YOUR GOAL:
Search the records below for "IFCINDEXEDPOLYGONALFACEWITHVOIDS"; copy each line that has it.

SOURCE INFORMATION:

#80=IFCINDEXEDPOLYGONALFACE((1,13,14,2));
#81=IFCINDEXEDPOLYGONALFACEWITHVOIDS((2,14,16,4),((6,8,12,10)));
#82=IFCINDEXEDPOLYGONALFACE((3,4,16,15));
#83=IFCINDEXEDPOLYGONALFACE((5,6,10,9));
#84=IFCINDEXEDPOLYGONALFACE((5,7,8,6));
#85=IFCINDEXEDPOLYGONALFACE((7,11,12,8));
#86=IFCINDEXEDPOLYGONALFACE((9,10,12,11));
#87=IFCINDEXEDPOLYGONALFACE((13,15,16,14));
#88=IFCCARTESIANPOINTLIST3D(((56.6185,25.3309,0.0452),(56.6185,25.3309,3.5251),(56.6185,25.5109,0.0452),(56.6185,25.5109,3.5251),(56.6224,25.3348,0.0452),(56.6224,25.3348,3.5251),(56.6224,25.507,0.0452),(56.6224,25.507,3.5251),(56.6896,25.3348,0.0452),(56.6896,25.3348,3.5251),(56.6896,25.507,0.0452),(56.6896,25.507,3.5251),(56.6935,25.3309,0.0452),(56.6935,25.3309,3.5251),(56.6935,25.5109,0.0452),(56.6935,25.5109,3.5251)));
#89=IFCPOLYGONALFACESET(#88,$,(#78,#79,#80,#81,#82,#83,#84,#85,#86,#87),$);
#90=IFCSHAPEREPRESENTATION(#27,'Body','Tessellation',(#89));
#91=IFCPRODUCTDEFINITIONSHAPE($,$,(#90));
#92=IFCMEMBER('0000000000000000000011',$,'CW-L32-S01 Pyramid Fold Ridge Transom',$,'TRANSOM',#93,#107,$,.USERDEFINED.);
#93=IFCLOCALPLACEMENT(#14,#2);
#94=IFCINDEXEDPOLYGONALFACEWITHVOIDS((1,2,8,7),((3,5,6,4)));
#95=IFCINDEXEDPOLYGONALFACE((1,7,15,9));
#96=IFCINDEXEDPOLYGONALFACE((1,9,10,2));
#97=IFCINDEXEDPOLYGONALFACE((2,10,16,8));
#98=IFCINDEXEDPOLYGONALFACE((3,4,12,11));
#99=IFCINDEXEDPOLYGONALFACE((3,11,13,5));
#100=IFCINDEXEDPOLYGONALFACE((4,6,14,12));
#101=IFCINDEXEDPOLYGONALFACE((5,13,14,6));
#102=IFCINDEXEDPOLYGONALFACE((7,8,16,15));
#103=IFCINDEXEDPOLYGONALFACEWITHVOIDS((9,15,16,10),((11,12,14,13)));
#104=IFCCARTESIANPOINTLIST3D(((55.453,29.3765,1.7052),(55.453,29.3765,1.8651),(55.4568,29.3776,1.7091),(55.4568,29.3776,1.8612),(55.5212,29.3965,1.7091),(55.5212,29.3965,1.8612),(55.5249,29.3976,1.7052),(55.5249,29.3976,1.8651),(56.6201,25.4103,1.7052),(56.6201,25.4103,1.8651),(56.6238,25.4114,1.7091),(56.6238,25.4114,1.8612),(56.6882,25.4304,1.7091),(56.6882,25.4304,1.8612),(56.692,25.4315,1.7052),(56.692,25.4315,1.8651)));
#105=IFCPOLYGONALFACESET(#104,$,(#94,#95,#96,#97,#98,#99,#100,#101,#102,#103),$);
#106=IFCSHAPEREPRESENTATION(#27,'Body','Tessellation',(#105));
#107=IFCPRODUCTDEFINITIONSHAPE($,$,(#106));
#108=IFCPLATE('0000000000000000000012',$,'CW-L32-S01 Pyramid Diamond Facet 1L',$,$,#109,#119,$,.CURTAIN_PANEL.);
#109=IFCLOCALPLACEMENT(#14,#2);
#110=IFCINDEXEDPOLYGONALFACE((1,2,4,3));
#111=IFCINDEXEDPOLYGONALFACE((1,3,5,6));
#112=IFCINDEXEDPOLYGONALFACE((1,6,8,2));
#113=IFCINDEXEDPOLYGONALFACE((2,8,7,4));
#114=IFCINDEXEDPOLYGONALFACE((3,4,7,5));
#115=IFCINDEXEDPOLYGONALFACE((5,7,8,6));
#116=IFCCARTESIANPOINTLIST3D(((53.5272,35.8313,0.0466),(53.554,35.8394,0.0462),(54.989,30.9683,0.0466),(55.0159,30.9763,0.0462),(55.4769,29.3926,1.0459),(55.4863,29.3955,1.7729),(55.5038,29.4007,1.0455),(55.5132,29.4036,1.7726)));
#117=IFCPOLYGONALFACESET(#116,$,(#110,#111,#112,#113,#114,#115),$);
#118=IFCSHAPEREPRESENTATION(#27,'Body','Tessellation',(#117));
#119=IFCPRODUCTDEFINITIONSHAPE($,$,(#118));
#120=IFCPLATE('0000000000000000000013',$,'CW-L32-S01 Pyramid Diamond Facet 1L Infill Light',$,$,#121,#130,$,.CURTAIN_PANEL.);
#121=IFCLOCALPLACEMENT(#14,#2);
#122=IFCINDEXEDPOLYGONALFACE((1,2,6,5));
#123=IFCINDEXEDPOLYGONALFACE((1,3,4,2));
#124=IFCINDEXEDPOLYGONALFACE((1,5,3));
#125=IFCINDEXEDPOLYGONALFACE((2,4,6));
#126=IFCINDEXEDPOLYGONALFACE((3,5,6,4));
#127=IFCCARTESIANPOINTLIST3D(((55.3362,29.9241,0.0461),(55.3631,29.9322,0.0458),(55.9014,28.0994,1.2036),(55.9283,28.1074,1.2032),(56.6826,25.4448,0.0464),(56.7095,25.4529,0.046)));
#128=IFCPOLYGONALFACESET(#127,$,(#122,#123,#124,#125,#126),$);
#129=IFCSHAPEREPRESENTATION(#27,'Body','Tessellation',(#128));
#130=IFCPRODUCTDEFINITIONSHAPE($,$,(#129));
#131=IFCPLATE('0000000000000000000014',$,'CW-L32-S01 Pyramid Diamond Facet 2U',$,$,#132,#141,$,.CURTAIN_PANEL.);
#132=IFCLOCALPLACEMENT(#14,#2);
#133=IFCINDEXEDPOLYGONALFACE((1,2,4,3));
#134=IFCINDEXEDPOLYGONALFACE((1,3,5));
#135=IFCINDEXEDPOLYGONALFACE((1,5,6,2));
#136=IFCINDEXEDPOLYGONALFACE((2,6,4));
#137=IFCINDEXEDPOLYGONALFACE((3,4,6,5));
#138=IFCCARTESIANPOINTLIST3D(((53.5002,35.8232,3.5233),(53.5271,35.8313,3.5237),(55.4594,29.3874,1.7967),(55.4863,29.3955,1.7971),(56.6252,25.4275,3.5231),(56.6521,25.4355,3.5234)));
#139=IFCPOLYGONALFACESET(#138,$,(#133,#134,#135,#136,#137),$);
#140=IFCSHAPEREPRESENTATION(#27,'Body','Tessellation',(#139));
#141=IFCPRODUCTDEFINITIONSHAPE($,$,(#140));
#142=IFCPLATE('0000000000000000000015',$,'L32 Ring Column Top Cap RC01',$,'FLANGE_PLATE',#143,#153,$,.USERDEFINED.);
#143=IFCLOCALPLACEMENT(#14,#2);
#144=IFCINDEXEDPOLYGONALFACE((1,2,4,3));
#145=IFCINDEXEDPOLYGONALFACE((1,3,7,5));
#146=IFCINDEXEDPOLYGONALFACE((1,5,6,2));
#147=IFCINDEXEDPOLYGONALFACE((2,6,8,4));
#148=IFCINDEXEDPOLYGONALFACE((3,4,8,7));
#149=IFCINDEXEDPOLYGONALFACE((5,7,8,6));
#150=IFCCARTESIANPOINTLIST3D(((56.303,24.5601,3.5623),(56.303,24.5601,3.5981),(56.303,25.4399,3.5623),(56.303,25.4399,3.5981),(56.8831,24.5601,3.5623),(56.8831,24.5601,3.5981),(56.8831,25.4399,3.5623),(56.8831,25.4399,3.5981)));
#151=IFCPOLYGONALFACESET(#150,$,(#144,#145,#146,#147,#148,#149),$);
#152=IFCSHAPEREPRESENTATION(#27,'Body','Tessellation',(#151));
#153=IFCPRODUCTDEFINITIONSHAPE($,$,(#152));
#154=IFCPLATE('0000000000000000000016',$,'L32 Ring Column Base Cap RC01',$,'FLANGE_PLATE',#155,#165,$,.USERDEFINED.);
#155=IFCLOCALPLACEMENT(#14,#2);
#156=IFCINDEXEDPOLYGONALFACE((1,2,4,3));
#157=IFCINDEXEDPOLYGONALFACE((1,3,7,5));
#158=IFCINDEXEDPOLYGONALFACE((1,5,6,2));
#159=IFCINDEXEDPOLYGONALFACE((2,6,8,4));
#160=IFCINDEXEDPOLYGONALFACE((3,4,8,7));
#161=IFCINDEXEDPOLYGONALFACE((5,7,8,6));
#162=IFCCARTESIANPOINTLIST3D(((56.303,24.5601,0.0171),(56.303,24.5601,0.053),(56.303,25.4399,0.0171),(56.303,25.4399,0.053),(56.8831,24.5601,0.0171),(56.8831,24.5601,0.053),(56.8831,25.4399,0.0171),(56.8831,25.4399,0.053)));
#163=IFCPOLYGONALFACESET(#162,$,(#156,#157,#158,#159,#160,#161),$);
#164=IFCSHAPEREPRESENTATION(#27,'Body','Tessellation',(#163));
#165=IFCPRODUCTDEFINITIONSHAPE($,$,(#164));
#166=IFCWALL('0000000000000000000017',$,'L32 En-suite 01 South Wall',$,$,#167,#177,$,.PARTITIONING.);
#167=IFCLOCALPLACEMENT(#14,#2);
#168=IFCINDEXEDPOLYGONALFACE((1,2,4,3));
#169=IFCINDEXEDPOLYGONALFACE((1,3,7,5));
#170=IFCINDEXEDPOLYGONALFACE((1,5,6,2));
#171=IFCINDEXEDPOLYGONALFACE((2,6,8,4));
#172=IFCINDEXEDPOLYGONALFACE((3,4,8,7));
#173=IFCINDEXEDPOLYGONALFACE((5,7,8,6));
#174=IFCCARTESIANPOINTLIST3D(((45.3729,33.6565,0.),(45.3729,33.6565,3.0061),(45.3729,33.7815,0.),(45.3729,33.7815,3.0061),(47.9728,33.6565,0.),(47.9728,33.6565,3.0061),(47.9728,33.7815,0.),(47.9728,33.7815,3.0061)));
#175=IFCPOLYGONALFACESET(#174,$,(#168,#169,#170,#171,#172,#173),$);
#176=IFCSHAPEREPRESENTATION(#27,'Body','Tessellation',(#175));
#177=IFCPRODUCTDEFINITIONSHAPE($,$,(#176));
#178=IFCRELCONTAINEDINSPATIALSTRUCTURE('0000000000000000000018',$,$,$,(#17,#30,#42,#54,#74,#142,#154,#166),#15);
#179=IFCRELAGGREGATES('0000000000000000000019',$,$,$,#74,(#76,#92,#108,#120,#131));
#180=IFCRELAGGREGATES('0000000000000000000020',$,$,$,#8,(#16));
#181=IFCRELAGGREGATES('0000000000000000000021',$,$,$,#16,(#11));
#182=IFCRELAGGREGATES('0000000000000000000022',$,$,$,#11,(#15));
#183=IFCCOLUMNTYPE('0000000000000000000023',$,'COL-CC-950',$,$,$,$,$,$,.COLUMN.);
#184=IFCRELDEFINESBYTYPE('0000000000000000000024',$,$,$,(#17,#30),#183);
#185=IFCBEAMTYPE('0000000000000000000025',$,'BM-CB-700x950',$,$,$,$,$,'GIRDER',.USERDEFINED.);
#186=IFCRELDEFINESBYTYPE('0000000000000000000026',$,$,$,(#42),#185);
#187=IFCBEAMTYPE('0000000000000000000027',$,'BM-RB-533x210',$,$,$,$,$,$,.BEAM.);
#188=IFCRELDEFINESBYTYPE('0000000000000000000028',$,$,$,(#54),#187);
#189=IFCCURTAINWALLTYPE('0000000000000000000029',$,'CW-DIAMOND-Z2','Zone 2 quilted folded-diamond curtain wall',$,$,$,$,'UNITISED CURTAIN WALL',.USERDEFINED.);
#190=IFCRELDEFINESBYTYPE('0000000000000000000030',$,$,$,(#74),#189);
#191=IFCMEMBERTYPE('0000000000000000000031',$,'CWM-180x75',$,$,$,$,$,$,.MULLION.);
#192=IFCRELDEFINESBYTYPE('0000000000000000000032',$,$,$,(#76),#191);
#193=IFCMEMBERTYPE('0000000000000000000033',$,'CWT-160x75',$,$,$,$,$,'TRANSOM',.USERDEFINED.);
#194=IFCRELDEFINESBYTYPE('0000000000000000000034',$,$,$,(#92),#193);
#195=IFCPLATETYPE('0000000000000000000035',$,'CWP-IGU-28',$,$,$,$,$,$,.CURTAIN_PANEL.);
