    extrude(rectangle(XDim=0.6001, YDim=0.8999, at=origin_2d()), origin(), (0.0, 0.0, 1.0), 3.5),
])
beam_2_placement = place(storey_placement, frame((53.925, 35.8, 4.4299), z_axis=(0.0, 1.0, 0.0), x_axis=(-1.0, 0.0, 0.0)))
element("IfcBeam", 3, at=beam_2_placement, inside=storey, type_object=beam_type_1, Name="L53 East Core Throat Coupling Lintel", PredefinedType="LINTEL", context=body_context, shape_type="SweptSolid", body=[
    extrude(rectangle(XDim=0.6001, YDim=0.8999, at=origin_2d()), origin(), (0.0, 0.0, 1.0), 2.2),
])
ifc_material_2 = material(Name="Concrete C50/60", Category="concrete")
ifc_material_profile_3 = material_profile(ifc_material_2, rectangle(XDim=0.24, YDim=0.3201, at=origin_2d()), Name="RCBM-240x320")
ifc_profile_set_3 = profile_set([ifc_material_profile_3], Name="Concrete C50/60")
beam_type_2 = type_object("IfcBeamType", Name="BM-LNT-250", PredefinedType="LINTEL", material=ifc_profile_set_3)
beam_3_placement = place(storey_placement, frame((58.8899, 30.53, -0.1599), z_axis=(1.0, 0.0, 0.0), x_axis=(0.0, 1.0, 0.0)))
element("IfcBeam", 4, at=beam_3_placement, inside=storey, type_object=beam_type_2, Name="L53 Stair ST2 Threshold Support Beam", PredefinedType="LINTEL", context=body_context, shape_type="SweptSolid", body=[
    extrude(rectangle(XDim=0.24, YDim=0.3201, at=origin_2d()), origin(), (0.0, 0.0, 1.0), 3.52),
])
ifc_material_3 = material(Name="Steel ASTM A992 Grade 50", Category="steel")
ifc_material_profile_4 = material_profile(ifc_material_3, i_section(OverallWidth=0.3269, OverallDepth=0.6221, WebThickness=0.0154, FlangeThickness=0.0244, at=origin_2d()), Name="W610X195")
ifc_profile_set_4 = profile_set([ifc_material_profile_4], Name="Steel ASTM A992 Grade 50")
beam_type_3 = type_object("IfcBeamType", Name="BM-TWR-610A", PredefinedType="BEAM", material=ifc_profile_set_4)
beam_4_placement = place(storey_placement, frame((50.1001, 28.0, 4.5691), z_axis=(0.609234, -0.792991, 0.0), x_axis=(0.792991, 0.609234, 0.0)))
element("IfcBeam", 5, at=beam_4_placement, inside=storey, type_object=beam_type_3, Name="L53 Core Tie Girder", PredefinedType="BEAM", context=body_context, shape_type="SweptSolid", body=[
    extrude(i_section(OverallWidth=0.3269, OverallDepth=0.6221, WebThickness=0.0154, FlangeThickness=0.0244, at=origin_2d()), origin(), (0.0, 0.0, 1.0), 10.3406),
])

RESULT:
#81=IFCINDEXEDPOLYGONALFACEWITHVOIDS((2,14,16,4),((6,8,12,10)));
#94=IFCINDEXEDPOLYGONALFACEWITHVOIDS((1,2,8,7),((3,5,6,4)));
#103=IFCINDEXEDPOLYGONALFACEWITHVOIDS((9,15,16,10),((11,12,14,13)));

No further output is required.